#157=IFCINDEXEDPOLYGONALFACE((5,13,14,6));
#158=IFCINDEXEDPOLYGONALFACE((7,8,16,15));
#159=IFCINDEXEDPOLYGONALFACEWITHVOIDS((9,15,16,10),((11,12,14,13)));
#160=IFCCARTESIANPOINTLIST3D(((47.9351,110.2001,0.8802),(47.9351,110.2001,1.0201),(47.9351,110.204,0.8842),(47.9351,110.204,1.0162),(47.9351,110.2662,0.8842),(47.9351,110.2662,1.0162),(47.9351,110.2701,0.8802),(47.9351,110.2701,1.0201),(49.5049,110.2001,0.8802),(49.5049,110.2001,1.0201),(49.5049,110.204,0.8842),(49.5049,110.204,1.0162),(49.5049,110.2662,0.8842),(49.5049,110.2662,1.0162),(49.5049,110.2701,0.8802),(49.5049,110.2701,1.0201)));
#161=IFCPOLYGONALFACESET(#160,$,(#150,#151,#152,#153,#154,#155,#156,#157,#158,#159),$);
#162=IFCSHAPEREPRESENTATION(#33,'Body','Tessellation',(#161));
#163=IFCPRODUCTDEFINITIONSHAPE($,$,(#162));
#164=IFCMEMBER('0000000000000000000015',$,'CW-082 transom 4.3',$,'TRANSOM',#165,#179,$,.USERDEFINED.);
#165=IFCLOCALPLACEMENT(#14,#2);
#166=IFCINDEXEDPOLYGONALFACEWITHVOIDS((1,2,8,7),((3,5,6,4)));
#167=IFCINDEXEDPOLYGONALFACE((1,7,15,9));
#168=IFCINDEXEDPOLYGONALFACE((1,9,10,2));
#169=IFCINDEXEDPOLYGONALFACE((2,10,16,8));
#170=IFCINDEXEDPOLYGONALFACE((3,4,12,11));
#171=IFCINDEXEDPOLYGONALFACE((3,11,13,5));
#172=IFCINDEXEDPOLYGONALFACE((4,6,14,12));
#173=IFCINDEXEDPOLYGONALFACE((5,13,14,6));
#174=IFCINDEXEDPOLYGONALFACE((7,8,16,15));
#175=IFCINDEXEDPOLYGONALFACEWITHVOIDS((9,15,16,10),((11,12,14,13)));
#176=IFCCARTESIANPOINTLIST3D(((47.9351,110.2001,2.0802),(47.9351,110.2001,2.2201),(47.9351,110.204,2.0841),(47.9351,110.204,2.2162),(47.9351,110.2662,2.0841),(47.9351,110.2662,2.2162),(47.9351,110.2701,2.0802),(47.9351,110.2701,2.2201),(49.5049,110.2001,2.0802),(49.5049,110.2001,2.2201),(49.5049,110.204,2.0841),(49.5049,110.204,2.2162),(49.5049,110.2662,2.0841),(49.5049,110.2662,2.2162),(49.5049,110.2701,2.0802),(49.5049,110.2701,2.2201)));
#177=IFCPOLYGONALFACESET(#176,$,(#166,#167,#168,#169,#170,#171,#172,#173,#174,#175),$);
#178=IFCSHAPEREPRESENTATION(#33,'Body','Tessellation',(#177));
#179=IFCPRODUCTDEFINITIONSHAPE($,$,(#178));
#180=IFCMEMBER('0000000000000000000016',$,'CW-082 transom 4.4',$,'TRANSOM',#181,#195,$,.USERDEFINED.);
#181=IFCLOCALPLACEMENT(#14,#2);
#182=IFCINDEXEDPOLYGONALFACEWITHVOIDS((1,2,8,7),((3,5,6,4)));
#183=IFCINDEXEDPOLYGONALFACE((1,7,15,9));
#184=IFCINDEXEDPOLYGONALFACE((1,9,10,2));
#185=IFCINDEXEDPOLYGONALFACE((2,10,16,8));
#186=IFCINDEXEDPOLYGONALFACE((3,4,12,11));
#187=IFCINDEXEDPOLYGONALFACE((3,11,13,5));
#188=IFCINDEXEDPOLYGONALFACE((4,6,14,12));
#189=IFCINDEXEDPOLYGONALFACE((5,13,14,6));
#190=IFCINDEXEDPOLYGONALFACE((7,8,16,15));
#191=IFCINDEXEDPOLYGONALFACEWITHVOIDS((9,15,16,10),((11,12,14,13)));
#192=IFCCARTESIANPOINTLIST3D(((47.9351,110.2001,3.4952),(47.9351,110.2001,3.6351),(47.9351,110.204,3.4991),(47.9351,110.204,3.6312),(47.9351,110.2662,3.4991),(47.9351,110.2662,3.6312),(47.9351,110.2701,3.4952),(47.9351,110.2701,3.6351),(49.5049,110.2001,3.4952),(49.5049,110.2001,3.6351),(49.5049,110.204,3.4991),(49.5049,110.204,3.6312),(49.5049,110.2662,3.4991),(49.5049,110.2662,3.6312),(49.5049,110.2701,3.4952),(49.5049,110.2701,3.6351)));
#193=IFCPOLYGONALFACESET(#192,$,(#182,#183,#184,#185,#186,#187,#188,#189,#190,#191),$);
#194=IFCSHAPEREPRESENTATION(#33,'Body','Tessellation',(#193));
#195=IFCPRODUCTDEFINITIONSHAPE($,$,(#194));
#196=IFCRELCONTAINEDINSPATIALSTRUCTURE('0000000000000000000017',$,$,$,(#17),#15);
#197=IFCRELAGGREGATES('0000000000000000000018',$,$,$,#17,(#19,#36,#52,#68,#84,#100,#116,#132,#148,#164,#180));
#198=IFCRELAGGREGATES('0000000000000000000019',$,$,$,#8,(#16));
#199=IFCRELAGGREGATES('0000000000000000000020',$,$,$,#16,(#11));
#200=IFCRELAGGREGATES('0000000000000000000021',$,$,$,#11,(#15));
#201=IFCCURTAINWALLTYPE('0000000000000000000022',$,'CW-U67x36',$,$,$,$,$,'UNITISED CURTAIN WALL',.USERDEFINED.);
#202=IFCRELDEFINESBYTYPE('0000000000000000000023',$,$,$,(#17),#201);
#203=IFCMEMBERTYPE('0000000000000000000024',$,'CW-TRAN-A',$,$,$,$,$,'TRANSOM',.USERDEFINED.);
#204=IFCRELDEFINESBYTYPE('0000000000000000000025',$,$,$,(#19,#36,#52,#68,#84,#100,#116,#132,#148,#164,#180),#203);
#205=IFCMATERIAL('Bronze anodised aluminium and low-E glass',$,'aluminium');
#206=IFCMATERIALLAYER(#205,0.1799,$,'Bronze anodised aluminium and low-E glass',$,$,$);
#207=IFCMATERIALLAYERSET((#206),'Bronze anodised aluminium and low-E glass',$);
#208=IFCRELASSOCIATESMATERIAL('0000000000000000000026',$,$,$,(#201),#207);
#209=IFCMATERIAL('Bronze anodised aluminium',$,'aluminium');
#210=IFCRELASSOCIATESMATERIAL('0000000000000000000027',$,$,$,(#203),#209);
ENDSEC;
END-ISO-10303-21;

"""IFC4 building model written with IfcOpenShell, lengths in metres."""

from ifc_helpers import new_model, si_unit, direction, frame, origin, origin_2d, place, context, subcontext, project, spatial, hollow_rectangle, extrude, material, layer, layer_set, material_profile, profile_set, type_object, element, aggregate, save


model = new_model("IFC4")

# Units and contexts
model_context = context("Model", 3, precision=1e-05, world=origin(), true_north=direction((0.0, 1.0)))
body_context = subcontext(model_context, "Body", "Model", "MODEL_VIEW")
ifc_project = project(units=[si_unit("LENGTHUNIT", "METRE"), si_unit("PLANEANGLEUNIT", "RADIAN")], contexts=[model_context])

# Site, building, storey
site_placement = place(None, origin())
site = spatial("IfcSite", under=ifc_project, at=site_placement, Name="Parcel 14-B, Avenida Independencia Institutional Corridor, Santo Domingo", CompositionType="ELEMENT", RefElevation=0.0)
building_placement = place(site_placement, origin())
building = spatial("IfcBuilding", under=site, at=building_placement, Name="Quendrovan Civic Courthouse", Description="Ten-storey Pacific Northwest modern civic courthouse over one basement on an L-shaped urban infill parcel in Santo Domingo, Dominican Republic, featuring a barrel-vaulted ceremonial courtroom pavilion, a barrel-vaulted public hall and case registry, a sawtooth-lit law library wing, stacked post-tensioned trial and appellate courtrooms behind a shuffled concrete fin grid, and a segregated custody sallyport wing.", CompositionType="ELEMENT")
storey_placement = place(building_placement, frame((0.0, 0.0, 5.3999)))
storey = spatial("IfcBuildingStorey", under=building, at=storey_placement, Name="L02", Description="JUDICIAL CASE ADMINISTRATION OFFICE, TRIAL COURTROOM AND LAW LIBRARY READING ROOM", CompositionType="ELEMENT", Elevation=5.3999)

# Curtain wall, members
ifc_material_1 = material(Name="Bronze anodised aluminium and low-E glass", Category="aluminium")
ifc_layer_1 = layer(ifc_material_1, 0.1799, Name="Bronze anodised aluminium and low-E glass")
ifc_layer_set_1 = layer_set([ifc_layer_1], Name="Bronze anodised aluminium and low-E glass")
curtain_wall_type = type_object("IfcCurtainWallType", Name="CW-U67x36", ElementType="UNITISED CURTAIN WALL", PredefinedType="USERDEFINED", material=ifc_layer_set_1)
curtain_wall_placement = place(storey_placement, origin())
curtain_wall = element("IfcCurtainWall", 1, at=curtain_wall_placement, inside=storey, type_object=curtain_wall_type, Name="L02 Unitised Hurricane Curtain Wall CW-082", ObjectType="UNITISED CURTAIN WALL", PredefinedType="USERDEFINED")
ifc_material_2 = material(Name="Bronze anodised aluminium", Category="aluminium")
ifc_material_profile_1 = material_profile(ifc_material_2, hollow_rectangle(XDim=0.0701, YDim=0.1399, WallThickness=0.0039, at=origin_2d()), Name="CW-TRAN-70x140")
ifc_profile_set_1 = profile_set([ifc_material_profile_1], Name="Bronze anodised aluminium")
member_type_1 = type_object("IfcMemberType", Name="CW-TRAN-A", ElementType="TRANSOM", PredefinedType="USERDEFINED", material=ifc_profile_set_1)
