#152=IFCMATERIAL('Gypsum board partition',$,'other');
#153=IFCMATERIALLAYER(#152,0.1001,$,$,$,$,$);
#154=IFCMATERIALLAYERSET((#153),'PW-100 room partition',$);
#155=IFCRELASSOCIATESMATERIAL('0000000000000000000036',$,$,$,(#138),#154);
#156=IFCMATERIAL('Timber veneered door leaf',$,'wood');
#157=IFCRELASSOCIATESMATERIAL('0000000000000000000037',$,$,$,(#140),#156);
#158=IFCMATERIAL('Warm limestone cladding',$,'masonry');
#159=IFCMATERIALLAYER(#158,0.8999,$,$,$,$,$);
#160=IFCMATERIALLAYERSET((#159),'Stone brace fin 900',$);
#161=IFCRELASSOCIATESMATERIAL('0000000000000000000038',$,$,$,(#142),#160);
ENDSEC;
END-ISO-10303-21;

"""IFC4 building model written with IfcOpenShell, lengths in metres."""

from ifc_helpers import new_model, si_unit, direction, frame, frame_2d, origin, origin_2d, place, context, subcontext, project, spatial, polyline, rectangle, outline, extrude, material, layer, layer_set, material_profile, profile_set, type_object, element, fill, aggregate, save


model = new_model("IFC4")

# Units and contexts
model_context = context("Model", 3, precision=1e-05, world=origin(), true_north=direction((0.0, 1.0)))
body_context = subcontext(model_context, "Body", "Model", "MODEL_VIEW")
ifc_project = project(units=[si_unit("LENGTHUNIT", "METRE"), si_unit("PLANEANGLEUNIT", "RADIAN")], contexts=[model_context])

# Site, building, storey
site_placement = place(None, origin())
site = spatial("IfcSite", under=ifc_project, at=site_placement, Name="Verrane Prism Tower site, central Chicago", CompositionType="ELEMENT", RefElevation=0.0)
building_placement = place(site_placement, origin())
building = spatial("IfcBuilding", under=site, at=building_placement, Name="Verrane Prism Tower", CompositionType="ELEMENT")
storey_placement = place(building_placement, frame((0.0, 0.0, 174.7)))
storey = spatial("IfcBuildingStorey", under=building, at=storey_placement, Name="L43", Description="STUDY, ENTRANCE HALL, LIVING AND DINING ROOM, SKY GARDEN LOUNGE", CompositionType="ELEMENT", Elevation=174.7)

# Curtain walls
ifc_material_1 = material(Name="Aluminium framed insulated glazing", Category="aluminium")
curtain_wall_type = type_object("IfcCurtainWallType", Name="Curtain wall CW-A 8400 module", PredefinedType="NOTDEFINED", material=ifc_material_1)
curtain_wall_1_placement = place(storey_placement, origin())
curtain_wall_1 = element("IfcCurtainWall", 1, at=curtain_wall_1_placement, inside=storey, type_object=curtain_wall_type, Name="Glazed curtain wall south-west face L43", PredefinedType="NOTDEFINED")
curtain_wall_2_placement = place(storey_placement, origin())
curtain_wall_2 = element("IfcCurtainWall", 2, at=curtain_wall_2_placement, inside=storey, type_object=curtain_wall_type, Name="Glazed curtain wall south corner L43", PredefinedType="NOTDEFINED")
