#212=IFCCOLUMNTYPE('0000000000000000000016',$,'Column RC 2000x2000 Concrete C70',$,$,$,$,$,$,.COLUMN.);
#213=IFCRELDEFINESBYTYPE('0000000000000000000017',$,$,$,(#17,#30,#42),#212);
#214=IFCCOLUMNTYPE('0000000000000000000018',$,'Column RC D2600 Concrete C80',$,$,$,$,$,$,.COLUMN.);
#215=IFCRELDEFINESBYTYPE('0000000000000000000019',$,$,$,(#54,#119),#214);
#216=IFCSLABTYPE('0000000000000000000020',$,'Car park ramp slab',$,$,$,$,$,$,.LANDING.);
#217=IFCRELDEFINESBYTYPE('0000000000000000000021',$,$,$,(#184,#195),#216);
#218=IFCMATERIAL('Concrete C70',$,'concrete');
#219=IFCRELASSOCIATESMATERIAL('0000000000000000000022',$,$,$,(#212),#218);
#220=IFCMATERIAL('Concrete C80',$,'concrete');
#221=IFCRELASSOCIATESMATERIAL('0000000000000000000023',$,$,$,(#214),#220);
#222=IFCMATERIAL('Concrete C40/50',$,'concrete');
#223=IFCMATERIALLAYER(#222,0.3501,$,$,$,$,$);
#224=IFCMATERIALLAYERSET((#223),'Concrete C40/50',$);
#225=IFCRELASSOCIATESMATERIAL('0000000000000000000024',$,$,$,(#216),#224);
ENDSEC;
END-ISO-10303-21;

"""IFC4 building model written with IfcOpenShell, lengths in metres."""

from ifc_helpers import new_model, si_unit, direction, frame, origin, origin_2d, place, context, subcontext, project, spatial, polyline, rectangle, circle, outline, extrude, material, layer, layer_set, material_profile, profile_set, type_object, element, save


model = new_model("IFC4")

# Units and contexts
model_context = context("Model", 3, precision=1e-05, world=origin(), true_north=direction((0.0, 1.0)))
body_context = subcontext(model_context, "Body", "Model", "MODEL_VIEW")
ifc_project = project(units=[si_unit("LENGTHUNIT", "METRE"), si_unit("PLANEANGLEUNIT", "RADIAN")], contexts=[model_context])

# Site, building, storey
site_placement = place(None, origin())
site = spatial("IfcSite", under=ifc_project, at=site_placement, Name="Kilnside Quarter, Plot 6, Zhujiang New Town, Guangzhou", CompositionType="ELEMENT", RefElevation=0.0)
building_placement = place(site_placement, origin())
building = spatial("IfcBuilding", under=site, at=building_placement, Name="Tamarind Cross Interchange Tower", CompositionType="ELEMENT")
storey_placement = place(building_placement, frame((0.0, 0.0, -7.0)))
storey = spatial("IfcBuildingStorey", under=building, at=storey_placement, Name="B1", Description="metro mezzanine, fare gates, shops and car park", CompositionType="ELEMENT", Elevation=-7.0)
= = = =
# ABOUT THIS EXERCISE:
If a line of the listing above holds the string "Santo", copy it.

# SOLUTION TO THIS PROBLEM:
site = spatial("IfcSite", under=ifc_project, at=site_placement, Name="Parcel 14-B, Avenida Independencia Institutional Corridor, Santo Domingo", CompositionType="ELEMENT", RefElevation=0.0)
building = spatial("IfcBuilding", under=site, at=building_placement, Name="Quendrovan Civic Courthouse", Description="Ten-storey Pacific Northwest modern civic courthouse over one basement on an L-shaped urban infill parcel in Santo Domingo, Dominican Republic, featuring a barrel-vaulted ceremonial courtroom pavilion, a barrel-vaulted public hall and case registry, a sawtooth-lit law library wing, stacked post-tensioned trial and appellate courtrooms behind a shuffled concrete fin grid, and a segregated custody sallyport wing.", CompositionType="ELEMENT")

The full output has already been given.